RECORDED INFORMATION section start

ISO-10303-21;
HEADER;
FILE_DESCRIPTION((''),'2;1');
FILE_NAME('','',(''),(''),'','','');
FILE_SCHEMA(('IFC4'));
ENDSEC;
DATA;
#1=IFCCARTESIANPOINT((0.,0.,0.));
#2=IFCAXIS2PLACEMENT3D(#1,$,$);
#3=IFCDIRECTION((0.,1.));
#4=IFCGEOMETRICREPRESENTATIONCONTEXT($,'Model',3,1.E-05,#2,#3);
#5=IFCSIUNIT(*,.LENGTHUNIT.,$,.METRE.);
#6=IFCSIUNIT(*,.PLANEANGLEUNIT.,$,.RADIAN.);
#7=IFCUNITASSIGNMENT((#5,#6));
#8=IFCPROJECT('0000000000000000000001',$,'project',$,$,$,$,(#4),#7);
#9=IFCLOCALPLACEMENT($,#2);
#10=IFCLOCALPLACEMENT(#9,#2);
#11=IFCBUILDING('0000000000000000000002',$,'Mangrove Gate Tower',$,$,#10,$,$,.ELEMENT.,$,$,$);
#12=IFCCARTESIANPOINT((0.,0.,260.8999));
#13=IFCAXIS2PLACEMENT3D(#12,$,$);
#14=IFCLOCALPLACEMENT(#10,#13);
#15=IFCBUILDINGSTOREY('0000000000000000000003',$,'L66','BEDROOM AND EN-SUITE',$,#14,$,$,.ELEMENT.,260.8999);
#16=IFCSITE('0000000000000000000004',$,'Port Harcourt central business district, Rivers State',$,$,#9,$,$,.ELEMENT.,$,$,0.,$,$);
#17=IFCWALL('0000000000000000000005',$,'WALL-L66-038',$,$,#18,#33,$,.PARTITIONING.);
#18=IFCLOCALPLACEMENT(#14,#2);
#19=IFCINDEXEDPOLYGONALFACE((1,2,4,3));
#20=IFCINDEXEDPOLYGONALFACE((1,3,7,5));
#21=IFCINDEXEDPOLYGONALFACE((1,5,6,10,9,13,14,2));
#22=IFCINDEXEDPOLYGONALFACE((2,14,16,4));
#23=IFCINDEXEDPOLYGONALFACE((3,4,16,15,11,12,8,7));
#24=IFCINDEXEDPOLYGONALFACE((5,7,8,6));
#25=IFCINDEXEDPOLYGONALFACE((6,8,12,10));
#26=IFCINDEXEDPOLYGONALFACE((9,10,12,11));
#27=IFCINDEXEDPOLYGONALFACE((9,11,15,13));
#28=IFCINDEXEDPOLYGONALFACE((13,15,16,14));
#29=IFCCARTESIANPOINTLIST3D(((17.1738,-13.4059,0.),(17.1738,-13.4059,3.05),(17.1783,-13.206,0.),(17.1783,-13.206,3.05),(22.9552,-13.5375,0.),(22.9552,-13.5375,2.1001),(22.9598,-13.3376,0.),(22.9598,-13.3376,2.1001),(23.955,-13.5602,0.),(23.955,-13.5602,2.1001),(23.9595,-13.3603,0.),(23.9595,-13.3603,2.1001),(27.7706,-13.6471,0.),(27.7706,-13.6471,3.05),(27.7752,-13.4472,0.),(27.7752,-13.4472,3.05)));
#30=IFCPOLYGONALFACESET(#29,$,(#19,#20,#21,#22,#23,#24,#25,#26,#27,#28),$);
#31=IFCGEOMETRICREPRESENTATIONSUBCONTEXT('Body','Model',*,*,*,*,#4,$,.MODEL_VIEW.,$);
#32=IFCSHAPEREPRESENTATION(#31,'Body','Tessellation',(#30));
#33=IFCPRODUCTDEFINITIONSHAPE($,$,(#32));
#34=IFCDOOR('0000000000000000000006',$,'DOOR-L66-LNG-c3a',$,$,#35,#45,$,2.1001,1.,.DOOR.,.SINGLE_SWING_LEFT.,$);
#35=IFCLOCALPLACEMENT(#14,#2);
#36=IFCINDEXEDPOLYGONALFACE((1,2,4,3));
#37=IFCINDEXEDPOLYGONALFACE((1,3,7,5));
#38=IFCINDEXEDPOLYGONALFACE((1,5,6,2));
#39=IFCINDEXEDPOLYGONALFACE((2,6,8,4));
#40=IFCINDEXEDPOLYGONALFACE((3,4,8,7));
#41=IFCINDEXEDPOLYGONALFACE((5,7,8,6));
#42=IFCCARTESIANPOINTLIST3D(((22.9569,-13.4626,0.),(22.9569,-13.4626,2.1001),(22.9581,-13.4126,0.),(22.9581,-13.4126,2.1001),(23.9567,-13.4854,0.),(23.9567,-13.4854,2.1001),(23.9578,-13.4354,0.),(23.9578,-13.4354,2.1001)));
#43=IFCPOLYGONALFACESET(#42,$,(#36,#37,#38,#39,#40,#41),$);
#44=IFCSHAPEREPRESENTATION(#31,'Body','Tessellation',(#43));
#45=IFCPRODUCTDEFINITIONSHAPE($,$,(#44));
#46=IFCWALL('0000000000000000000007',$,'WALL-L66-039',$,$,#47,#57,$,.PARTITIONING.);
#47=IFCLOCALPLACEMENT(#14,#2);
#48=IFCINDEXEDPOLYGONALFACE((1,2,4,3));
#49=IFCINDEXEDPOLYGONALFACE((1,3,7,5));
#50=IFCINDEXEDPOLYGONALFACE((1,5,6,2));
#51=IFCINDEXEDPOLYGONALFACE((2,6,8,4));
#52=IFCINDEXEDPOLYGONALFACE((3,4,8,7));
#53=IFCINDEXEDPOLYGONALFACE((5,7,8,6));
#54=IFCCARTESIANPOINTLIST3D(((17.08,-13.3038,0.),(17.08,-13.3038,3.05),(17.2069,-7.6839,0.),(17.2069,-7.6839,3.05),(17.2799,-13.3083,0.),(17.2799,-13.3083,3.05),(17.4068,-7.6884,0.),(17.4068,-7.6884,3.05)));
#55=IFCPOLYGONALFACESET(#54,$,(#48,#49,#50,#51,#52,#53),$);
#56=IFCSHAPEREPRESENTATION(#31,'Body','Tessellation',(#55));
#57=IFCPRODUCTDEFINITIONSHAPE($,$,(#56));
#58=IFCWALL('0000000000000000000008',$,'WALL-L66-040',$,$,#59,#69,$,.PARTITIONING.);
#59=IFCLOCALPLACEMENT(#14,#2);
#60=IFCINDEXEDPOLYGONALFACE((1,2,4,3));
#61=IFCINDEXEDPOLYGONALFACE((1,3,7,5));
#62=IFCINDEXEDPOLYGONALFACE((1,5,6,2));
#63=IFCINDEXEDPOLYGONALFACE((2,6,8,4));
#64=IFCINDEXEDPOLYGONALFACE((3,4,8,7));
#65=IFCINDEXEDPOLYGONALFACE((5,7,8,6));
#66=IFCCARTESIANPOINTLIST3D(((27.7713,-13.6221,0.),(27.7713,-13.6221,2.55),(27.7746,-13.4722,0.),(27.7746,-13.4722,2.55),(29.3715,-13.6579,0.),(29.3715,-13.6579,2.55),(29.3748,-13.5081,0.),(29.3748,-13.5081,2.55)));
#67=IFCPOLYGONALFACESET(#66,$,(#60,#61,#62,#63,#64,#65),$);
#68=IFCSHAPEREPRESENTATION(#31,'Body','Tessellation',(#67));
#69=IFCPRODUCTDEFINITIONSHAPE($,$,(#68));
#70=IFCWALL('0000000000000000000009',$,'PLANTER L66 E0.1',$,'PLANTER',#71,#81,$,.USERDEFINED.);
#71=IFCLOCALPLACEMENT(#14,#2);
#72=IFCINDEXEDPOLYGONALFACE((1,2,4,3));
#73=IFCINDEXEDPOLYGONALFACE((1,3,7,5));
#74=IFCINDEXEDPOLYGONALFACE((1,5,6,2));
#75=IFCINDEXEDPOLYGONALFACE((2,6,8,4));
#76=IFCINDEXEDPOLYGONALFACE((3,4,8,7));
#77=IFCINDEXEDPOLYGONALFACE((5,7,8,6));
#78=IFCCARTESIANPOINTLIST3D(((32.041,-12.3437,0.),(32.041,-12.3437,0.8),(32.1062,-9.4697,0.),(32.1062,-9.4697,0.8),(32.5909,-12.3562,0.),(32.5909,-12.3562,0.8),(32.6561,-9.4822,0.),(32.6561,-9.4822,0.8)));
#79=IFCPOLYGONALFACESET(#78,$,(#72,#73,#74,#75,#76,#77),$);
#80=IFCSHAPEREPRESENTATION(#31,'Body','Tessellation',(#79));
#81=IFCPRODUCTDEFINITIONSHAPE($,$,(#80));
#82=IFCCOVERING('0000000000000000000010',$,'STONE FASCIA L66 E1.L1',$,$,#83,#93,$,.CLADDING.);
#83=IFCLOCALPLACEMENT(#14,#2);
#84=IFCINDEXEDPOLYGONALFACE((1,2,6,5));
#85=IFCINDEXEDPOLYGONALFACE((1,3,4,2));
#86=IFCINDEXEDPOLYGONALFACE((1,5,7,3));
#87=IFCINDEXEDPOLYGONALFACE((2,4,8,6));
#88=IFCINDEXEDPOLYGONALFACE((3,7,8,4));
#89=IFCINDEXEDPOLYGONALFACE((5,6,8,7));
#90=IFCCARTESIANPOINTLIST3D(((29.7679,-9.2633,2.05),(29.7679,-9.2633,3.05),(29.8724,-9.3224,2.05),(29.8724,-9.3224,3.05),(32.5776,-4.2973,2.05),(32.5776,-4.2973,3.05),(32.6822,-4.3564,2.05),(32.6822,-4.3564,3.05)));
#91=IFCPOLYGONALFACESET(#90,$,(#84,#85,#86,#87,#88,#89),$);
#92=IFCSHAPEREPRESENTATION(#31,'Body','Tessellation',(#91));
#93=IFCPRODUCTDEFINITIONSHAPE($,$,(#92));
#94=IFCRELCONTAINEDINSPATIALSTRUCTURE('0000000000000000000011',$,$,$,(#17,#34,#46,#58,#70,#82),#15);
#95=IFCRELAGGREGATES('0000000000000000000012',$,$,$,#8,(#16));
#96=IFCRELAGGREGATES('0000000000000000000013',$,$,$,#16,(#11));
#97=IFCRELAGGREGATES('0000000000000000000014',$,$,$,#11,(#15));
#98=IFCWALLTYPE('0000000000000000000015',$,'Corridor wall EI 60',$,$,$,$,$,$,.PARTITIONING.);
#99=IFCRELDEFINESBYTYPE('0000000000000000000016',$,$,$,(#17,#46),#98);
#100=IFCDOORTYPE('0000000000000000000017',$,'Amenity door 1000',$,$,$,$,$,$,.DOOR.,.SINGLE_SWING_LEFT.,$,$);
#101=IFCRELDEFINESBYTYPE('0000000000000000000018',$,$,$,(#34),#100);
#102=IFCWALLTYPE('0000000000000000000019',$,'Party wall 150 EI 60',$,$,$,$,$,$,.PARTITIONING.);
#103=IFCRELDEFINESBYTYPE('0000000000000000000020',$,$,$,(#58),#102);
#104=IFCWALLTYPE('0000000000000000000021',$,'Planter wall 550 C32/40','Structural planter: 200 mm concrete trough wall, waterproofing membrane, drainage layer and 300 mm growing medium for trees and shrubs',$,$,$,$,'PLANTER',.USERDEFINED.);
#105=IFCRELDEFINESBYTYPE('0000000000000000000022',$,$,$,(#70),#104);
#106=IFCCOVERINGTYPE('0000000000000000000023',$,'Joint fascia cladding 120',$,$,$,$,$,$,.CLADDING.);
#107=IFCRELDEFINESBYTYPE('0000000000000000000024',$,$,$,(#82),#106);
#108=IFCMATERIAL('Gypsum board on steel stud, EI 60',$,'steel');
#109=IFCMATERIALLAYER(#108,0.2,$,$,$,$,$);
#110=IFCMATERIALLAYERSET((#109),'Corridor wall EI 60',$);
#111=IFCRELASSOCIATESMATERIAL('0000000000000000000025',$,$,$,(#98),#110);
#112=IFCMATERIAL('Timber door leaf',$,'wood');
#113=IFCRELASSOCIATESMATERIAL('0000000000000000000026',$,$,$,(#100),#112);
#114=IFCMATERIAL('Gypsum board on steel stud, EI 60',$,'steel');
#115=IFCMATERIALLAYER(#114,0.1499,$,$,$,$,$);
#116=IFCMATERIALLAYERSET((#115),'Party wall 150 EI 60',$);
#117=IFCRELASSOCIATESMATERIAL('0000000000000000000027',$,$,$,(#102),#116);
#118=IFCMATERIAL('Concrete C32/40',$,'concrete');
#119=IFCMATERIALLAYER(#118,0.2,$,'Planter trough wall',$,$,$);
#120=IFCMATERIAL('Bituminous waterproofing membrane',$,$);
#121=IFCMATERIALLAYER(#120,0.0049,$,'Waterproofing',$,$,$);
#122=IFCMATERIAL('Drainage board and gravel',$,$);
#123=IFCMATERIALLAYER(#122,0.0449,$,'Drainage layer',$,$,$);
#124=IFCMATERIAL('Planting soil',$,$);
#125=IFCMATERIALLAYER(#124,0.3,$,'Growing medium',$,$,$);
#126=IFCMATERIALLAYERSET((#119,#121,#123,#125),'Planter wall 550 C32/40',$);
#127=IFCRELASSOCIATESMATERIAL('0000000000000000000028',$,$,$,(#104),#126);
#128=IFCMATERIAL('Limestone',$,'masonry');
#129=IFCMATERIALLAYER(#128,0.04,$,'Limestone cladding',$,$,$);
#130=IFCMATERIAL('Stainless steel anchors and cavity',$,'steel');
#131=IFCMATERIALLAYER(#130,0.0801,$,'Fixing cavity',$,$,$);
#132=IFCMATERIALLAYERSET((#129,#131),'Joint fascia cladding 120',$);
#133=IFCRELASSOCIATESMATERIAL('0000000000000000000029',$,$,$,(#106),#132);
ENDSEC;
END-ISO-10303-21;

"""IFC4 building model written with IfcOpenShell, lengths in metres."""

from ifc_helpers import new_model, si_unit, direction, frame, frame_2d, origin, place, context, subcontext, project, spatial, rectangle, extrude, material, layer, layer_set, type_object, element, fill, save


model = new_model("IFC4")

# Units and contexts
model_context = context("Model", 3, precision=1e-05, world=origin(), true_north=direction((0.0, 1.0)))
body_context = subcontext(model_context, "Body", "Model", "MODEL_VIEW")
ifc_project = project(units=[si_unit("LENGTHUNIT", "METRE"), si_unit("PLANEANGLEUNIT", "RADIAN")], contexts=[model_context])

# Site, building, storey
site_placement = place(None, origin())
site = spatial("IfcSite", under=ifc_project, at=site_placement, Name="Port Harcourt central business district, Rivers State", CompositionType="ELEMENT", RefElevation=0.0)
building_placement = place(site_placement, origin())
building = spatial("IfcBuilding", under=site, at=building_placement, Name="Mangrove Gate Tower", CompositionType="ELEMENT")
storey_placement = place(building_placement, frame((0.0, 0.0, 260.8999)))
storey = spatial("IfcBuildingStorey", under=building, at=storey_placement, Name="L66", Description="BEDROOM AND EN-SUITE", CompositionType="ELEMENT", Elevation=260.8999)

# Shared definitions
ifc_material_1 = material(Name="Gypsum board on steel stud, EI 60", Category="steel")
ifc_layer_1 = layer(ifc_material_1, 0.2)
ifc_layer_set_1 = layer_set([ifc_layer_1], Name="Corridor wall EI 60")
wall_type_1 = type_object("IfcWallType", Name="Corridor wall EI 60", PredefinedType="PARTITIONING", material=ifc_layer_set_1)

# Wall, opening, door
wall_1_placement = place(storey_placement, frame((17.176, -13.3059, 0.0), z_axis=(0.0, 0.0, 1.0), x_axis=(0.999741, -0.022756, 0.0)))
wall_1 = element("IfcWall", 1, at=wall_1_placement, inside=storey, type_object=wall_type_1, Name="WALL-L66-038", PredefinedType="PARTITIONING", context=body_context, shape_type="SweptSolid", body=[
    extrude(rectangle(XDim=10.5996, YDim=0.2, at=frame_2d((5.2998, 0.0))), origin(), (0.0, 0.0, 1.0), 3.05),
])
opening_placement = place(wall_1_placement, frame((5.783, 0.0, 0.0)))
opening = element("IfcOpeningElement", 2, at=opening_placement, cuts=wall_1, PredefinedType="OPENING", context=body_context, shape_type="SweptSolid", body=[
    extrude(rectangle(XDim=1.0, YDim=2.1001, at=frame_2d((0.5, 1.05))), frame((0.0, 0.1099, 0.0), z_axis=(0.0, -1.0, 0.0), x_axis=(1.0, 0.0, 0.0)), (0.0, 0.0, 1.0), 0.22),
])
ifc_material_2 = material(Name="Timber door leaf", Category="wood")
door_type = type_object("IfcDoorType", Name="Amenity door 1000", OperationType="SINGLE_SWING_LEFT", PredefinedType="DOOR", material=ifc_material_2)
door_placement = place(opening_placement, origin())
door = element("IfcDoor", 3, at=door_placement, inside=storey, type_object=door_type, Name="DOOR-L66-LNG-c3a", OperationType="SINGLE_SWING_LEFT", OverallHeight=2.1001, OverallWidth=1.0, PredefinedType="DOOR", context=body_context, shape_type="SweptSolid", body=[
    extrude(rectangle(XDim=1.0, YDim=2.1001, at=frame_2d((0.5, 1.05))), frame((0.0, 0.0249, 0.0), z_axis=(0.0, -1.0, 0.0), x_axis=(1.0, 0.0, 0.0)), (0.0, 0.0, 1.0), 0.05),
])
fill(opening, door)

RECORDED INFORMATION section end

WHAT TO PRODUCE → From the records above, copy out the line with "#131=IFCMATERIALLAYER(#130,0.0801,$,'Fixing cavity',$,$,$);", the line with "END-ISO-10303-21;", and every line between them, word for word.

RESPONSE TO THIS TASK →
#131=IFCMATERIALLAYER(#130,0.0801,$,'Fixing cavity',$,$,$);
#132=IFCMATERIALLAYERSET((#129,#131),'Joint fascia cladding 120',$);
#133=IFCRELASSOCIATESMATERIAL('0000000000000000000029',$,$,$,(#106),#132);
ENDSEC;
END-ISO-10303-21;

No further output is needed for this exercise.